Search the data below for "IFCPRODUCTDEFINITIONSHAPE"; list each line that holds it.

━━━ Excerpted records

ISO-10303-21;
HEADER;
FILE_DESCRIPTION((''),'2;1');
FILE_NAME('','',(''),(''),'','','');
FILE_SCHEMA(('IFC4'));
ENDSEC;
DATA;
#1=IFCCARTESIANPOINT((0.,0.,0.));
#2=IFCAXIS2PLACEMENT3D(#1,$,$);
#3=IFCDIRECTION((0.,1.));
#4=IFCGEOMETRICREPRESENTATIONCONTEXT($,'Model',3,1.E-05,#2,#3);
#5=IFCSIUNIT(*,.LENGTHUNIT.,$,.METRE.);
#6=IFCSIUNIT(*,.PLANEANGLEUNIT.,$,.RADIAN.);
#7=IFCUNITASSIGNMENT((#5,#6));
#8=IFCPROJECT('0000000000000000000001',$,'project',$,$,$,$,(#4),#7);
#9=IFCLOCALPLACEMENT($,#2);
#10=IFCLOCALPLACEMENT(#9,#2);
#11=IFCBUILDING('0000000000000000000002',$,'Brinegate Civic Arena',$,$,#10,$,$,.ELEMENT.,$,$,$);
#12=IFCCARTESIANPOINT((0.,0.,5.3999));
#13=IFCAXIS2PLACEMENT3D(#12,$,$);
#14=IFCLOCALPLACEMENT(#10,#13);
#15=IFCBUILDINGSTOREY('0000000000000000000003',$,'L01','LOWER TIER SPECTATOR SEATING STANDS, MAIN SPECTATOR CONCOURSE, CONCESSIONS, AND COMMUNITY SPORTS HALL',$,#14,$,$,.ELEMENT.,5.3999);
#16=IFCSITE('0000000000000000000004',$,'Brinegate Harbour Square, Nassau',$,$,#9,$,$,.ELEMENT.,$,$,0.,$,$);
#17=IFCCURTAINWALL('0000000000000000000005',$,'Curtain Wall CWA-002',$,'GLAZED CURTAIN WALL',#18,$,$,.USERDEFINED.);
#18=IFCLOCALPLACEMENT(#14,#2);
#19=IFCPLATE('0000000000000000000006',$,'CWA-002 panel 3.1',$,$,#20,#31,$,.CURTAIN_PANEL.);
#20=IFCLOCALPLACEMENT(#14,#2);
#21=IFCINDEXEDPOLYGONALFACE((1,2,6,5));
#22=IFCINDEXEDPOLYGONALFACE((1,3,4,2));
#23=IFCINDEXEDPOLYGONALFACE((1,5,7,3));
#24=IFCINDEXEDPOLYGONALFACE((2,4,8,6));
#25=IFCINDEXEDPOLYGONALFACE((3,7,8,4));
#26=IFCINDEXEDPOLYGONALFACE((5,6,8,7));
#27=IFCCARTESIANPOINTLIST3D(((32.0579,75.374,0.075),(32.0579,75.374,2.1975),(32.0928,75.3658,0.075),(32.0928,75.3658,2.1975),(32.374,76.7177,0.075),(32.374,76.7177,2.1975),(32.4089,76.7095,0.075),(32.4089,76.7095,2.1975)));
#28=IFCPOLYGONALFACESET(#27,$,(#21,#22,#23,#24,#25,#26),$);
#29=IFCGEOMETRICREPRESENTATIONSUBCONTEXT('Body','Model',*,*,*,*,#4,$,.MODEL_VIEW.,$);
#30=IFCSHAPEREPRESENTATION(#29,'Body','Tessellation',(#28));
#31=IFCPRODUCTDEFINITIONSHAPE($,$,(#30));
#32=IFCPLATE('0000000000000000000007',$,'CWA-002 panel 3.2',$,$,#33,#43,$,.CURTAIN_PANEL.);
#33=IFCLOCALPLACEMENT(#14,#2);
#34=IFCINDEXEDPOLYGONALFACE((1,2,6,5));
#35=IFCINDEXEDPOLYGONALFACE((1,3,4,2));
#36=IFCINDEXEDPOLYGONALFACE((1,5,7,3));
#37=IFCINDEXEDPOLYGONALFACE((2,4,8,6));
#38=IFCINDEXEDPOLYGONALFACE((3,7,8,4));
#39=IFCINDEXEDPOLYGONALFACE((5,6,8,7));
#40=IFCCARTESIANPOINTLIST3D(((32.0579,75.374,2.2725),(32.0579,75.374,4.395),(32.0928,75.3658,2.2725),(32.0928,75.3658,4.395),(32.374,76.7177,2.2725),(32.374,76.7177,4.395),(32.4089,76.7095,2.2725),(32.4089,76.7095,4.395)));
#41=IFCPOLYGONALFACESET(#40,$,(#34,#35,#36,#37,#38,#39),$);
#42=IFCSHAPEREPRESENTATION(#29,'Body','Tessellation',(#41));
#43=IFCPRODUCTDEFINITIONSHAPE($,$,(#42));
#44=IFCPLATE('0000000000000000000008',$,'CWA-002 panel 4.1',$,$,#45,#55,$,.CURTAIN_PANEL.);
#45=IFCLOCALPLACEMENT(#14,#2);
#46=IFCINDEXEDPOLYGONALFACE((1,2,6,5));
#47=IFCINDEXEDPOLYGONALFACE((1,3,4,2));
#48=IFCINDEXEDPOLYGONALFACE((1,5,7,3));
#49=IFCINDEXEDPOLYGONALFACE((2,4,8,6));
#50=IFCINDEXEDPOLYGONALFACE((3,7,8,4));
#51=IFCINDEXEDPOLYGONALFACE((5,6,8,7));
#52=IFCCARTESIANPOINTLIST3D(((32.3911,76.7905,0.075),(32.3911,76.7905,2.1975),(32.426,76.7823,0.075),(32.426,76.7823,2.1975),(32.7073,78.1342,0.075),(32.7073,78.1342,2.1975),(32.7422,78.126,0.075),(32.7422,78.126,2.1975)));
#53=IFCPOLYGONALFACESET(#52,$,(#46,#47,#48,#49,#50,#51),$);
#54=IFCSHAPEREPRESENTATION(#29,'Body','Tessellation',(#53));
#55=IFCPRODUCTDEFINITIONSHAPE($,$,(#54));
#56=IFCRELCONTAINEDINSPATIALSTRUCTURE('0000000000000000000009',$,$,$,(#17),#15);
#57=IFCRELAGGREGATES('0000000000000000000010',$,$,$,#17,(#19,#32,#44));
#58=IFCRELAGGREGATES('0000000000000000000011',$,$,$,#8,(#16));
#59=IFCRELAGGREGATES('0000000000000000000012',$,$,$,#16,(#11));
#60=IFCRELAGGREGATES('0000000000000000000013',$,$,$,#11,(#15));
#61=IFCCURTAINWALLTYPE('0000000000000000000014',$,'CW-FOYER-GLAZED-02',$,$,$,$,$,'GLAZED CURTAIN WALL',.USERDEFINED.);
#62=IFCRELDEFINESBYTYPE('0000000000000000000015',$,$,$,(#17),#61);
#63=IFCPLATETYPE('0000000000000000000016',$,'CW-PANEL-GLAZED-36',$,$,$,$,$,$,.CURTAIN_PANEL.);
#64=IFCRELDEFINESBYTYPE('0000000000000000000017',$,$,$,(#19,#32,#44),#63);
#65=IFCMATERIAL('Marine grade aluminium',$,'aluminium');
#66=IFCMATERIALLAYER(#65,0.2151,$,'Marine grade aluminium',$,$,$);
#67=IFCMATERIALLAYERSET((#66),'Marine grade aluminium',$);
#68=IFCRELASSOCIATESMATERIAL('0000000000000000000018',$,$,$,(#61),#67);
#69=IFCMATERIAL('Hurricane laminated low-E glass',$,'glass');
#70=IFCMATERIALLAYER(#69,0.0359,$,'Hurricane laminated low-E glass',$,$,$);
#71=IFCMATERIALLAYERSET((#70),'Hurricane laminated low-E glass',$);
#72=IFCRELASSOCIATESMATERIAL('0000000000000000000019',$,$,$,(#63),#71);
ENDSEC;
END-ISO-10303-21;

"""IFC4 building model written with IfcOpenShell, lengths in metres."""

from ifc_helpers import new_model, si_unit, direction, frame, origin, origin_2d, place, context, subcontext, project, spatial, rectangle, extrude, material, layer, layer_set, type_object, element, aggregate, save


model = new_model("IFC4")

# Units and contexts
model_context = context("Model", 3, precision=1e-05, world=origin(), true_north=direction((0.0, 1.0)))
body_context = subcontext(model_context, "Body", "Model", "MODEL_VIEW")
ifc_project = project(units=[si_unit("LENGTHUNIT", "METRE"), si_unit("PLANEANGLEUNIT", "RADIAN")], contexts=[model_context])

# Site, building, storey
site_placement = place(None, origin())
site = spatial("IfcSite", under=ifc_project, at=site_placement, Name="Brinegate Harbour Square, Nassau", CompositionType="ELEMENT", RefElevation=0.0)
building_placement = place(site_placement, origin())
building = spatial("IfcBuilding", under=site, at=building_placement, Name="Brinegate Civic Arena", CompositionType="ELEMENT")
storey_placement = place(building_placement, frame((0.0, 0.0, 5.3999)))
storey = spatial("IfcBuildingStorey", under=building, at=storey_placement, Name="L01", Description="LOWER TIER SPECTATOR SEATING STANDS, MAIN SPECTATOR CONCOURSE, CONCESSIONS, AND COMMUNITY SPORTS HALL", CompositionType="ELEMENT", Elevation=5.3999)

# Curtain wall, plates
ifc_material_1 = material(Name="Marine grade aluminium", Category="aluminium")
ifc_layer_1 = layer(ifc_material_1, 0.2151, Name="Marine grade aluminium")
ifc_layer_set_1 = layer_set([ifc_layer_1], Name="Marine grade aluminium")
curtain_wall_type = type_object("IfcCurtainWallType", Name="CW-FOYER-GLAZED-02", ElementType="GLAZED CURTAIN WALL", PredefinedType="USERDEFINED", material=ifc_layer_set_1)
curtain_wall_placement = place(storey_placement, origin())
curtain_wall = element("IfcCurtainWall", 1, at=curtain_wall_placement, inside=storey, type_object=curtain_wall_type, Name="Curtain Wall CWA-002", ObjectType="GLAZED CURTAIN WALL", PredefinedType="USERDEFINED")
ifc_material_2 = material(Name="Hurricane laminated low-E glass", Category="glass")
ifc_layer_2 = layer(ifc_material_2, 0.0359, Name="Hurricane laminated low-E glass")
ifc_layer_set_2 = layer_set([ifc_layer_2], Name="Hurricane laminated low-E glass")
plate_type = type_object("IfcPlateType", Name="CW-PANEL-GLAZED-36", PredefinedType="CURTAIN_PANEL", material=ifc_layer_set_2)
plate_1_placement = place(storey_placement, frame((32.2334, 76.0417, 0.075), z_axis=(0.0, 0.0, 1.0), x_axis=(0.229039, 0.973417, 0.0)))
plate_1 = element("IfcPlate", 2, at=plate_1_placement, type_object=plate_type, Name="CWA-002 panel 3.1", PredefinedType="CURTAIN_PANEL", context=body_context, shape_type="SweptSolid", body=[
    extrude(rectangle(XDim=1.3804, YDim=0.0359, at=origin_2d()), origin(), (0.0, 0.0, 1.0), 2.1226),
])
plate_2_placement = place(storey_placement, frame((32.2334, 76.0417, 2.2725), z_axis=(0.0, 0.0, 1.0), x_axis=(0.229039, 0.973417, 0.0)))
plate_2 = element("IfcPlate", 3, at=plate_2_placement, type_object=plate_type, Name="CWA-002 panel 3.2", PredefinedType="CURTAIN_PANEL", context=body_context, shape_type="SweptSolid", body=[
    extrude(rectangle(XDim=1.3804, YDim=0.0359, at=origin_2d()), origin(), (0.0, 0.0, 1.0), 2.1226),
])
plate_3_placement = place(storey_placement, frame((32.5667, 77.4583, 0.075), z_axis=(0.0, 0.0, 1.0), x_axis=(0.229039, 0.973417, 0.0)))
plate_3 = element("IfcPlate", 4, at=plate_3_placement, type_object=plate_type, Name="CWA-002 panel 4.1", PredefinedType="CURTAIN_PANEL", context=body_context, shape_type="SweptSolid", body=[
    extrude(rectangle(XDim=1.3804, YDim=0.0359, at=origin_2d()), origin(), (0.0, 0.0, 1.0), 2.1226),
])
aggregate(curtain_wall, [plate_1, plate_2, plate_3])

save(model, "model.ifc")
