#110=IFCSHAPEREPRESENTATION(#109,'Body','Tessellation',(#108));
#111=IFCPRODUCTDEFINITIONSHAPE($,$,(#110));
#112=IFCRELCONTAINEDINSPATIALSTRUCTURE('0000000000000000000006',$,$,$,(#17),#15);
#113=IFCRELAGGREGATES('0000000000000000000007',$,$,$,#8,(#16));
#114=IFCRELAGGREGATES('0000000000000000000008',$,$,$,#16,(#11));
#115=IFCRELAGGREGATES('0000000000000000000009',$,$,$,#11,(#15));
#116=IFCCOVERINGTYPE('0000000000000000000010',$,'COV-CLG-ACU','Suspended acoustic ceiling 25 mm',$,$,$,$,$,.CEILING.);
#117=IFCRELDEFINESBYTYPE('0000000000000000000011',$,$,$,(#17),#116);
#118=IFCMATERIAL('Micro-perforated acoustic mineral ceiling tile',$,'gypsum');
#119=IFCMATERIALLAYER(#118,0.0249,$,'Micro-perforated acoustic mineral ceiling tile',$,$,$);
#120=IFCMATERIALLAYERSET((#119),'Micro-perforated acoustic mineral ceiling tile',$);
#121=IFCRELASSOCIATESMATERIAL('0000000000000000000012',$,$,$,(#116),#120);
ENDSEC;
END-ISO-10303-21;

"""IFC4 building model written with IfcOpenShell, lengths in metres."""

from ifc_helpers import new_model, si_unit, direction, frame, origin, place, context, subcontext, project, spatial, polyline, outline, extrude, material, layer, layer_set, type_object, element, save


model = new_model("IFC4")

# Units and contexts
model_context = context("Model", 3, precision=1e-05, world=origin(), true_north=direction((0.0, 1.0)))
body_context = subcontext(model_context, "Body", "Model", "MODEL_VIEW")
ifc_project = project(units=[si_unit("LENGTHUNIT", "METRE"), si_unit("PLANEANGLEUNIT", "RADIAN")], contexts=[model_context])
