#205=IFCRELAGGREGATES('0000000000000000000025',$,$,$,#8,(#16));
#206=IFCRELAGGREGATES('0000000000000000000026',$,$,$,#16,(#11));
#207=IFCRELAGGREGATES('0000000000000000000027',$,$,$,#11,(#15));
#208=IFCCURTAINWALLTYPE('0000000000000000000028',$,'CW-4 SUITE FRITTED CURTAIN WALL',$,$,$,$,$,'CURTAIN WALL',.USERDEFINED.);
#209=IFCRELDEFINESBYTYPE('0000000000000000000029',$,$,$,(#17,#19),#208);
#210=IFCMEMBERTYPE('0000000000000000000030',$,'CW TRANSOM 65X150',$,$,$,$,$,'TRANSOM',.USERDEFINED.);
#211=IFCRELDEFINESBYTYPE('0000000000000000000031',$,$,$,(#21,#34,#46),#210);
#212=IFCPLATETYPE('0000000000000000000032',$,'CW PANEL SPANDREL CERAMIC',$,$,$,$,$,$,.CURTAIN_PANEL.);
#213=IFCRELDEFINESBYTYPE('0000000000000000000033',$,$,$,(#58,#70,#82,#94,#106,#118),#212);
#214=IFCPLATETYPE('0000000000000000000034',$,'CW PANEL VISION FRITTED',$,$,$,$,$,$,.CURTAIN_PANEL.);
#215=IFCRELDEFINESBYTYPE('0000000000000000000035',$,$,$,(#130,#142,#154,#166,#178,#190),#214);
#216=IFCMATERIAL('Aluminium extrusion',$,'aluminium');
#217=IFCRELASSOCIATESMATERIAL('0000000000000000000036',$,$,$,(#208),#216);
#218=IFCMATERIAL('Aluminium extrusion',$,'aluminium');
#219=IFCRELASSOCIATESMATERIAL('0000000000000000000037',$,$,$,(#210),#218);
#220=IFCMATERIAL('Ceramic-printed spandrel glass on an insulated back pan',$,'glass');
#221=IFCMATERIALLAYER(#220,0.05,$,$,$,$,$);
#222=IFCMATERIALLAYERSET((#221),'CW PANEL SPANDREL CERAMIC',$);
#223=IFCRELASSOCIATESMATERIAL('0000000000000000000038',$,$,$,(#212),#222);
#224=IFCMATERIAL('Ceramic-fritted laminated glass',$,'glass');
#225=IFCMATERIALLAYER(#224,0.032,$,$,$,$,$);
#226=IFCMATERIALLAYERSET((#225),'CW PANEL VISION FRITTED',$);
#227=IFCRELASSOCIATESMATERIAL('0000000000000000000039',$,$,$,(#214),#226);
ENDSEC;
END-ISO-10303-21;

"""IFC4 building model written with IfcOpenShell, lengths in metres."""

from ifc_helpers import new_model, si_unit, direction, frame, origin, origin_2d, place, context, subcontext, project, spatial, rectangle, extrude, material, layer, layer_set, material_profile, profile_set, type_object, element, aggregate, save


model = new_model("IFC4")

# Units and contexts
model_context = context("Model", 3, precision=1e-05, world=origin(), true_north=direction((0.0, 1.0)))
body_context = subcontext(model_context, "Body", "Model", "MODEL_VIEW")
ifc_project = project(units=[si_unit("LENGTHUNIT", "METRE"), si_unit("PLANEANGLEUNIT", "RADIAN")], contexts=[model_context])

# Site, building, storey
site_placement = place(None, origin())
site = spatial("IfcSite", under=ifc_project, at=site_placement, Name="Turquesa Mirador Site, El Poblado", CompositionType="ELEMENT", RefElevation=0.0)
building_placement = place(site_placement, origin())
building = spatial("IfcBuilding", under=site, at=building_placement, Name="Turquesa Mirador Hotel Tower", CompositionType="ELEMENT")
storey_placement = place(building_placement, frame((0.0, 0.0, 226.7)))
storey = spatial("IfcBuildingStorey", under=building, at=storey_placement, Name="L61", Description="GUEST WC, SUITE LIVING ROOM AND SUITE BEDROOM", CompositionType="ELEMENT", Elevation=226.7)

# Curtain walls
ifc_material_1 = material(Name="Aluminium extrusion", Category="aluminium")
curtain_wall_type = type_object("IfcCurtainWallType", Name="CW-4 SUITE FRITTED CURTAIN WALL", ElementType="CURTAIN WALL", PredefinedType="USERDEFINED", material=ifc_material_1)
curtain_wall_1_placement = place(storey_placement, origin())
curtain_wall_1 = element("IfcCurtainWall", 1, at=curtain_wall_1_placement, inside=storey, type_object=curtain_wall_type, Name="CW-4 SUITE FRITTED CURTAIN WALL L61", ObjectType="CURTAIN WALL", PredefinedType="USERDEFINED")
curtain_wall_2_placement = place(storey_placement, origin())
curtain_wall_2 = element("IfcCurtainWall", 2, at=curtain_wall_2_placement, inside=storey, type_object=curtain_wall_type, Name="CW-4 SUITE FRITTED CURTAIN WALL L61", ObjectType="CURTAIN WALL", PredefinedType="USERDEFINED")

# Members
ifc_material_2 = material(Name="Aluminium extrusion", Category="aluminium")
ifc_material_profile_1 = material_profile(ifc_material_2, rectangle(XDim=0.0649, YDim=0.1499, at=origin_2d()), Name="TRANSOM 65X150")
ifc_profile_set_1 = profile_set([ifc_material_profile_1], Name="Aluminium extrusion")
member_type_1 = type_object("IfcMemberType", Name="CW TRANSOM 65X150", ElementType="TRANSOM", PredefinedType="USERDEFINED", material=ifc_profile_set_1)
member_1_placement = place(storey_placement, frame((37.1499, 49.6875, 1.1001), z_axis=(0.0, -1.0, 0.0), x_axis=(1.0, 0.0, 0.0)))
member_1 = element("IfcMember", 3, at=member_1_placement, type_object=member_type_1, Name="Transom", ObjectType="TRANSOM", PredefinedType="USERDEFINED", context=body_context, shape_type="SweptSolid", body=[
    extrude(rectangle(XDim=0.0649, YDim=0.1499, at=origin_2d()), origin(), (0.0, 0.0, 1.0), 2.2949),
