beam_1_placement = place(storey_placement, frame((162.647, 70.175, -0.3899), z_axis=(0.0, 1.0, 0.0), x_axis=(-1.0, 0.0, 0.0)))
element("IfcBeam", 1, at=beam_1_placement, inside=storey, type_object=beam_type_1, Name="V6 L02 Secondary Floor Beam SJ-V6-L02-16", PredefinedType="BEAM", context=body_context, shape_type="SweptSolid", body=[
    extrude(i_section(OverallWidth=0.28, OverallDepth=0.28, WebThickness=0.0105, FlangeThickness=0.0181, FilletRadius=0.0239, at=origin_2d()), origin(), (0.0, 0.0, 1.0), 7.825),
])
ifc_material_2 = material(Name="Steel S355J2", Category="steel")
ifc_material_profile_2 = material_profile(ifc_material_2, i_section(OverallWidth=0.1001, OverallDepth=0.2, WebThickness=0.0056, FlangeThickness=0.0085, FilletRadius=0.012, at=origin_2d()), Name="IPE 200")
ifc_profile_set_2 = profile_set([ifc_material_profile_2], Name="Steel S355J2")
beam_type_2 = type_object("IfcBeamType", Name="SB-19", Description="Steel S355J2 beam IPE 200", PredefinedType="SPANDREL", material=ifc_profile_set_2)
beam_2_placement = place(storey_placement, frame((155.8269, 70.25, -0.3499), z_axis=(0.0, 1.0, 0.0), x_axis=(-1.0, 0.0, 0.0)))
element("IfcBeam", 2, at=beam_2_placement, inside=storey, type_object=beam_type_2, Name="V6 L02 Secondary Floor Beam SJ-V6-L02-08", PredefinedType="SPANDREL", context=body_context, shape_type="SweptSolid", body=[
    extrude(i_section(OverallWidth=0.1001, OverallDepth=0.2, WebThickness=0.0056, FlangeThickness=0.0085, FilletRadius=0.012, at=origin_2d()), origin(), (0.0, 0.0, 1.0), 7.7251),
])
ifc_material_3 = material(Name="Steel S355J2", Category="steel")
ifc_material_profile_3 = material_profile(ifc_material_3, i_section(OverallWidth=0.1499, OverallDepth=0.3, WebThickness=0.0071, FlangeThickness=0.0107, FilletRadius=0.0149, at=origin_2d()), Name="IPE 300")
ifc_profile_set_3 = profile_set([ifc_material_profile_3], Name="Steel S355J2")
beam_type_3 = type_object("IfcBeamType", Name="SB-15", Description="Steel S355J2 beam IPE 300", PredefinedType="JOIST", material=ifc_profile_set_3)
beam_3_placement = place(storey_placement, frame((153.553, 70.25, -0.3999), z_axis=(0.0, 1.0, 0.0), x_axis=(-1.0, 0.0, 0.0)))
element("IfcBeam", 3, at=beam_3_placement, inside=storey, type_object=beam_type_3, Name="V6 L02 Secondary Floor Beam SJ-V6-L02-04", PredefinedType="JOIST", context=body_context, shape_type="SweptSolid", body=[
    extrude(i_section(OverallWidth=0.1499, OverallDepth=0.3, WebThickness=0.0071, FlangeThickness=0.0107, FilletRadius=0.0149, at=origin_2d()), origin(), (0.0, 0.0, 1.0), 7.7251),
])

━━━━━━

> Output for this exercise:
#31=IFCPRODUCTDEFINITIONSHAPE($,$,(#30));
#43=IFCPRODUCTDEFINITIONSHAPE($,$,(#42));
#55=IFCPRODUCTDEFINITIONSHAPE($,$,(#54));
#111=IFCPRODUCTDEFINITIONSHAPE($,$,(#110));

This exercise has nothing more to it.